» **WHAT THE TASK REQUIRES**: Which lines of the entries contain the string "IFCSHAPEREPRESENTATION"? Copy each of them.

» **EXCERPTED RECORDS**:
|---|

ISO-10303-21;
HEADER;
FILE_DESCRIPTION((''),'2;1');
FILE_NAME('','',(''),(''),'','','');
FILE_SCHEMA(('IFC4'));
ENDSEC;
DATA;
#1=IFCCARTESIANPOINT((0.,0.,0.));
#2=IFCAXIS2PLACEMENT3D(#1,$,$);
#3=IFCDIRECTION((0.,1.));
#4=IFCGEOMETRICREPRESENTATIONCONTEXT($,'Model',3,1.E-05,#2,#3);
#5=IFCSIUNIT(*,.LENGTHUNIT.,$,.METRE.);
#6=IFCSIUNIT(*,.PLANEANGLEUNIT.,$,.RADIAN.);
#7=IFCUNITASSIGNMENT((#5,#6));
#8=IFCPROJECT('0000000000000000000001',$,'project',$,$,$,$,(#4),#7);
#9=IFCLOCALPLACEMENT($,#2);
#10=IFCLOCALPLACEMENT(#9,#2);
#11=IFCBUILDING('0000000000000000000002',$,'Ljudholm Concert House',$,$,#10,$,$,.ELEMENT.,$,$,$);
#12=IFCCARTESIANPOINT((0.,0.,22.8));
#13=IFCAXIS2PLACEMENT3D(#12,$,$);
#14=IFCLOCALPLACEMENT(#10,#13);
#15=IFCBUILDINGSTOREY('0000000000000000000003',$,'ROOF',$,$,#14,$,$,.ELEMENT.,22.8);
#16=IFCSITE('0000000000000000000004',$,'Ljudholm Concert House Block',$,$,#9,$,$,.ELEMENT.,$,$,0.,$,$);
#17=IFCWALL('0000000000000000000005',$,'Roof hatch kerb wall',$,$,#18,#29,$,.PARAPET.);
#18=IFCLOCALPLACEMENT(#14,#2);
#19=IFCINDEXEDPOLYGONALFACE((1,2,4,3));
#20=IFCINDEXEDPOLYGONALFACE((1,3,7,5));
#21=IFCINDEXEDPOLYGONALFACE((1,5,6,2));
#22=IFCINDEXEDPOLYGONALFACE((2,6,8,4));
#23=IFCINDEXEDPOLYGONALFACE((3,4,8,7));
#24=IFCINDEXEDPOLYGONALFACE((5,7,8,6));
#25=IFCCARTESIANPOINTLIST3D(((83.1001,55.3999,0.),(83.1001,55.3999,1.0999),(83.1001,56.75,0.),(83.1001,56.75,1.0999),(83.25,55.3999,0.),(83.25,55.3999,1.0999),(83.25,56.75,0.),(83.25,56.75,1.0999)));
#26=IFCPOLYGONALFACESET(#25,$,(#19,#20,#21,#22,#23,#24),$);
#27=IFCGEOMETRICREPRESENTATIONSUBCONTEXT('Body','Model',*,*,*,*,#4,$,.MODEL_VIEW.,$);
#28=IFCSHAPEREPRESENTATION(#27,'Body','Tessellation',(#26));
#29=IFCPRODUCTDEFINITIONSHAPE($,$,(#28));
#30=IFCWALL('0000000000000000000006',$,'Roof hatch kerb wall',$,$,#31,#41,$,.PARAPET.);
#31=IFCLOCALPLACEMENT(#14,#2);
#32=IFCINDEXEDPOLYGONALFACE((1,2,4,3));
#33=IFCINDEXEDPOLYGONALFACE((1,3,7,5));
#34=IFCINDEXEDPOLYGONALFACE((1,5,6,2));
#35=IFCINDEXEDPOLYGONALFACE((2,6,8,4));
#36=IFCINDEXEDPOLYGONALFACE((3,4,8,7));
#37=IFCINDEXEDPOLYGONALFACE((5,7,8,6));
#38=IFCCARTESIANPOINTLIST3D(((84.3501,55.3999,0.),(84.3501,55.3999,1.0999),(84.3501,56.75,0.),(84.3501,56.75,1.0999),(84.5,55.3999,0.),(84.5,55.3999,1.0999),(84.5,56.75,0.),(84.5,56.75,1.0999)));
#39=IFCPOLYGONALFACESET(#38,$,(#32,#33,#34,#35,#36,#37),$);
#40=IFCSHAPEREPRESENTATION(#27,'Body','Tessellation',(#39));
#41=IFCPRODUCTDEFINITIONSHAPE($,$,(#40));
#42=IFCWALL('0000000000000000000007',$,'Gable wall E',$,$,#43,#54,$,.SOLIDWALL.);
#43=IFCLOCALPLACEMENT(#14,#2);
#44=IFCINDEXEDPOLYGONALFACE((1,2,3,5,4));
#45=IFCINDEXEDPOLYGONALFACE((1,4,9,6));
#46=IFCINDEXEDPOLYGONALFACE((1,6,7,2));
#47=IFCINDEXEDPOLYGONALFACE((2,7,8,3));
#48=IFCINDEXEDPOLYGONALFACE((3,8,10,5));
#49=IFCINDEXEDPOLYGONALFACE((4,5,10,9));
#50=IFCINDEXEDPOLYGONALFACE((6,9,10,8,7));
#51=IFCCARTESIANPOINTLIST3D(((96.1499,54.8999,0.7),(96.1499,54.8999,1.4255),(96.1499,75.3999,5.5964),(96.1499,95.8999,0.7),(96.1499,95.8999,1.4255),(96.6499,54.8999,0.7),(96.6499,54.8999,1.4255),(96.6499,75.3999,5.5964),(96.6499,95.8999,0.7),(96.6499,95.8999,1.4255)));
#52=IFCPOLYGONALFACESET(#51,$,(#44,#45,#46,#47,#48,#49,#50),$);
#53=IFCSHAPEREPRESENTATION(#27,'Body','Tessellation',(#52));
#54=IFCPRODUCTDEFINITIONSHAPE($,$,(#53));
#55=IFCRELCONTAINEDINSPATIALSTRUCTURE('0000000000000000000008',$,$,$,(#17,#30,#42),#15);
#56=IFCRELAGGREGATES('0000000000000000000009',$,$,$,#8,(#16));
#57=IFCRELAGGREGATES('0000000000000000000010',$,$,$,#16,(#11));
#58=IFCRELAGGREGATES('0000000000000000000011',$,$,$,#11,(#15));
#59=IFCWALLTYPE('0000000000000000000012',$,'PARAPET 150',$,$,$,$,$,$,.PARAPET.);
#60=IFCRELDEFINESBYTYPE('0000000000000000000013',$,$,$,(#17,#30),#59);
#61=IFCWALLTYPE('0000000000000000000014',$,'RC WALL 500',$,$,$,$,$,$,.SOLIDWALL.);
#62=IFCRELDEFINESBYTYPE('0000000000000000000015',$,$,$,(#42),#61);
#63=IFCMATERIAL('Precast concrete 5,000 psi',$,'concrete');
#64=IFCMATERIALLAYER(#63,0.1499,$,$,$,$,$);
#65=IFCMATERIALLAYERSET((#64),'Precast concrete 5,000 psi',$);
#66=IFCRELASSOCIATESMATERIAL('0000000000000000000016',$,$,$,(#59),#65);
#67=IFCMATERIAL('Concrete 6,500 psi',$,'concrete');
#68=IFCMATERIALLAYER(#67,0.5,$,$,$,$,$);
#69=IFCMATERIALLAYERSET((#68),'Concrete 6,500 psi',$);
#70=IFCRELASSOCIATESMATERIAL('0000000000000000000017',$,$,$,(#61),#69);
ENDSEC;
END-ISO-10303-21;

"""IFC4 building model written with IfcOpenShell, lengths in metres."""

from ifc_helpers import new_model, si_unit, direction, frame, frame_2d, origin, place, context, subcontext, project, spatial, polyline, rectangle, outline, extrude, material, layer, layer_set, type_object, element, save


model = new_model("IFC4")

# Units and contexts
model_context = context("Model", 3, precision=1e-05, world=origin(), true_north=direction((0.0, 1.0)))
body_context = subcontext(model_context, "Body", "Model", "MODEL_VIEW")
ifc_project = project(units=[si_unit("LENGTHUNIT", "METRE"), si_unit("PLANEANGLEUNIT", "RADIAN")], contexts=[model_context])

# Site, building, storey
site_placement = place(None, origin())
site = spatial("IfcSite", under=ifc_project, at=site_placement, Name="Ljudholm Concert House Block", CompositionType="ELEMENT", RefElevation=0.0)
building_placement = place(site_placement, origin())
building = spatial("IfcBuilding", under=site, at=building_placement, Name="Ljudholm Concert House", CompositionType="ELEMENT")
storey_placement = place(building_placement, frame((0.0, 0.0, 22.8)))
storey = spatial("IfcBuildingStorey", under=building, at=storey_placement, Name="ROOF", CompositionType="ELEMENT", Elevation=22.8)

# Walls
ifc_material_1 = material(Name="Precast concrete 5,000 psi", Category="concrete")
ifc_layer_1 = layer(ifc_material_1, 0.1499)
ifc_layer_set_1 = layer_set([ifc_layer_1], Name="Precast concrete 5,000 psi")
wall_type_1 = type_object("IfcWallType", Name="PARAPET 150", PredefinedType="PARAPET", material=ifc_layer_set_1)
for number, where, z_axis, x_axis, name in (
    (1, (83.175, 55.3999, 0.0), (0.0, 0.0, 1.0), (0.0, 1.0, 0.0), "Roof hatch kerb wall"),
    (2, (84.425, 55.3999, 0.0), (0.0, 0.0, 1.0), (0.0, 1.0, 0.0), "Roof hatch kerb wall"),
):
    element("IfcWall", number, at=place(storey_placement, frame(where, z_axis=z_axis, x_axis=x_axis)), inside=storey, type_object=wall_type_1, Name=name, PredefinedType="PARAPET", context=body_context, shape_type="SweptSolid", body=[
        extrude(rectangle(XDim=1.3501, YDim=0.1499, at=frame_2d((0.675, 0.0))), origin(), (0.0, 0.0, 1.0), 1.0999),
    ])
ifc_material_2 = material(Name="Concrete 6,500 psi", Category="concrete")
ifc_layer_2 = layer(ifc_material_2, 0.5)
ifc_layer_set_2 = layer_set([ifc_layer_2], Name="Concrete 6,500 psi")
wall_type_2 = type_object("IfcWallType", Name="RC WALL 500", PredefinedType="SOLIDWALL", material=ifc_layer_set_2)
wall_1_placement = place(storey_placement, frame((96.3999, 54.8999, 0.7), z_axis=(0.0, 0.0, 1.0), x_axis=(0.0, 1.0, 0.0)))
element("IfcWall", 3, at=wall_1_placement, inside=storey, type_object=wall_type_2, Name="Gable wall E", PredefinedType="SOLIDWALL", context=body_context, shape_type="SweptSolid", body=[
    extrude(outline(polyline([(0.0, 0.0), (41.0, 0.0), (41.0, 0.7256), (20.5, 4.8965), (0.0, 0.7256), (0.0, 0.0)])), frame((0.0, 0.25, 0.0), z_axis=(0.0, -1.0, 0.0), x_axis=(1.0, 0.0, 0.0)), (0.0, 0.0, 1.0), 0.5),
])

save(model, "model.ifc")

|---|

» **RESPONSE AREA**:
#28=IFCSHAPEREPRESENTATION(#27,'Body','Tessellation',(#26));
#40=IFCSHAPEREPRESENTATION(#27,'Body','Tessellation',(#39));
#53=IFCSHAPEREPRESENTATION(#27,'Body','Tessellation',(#52));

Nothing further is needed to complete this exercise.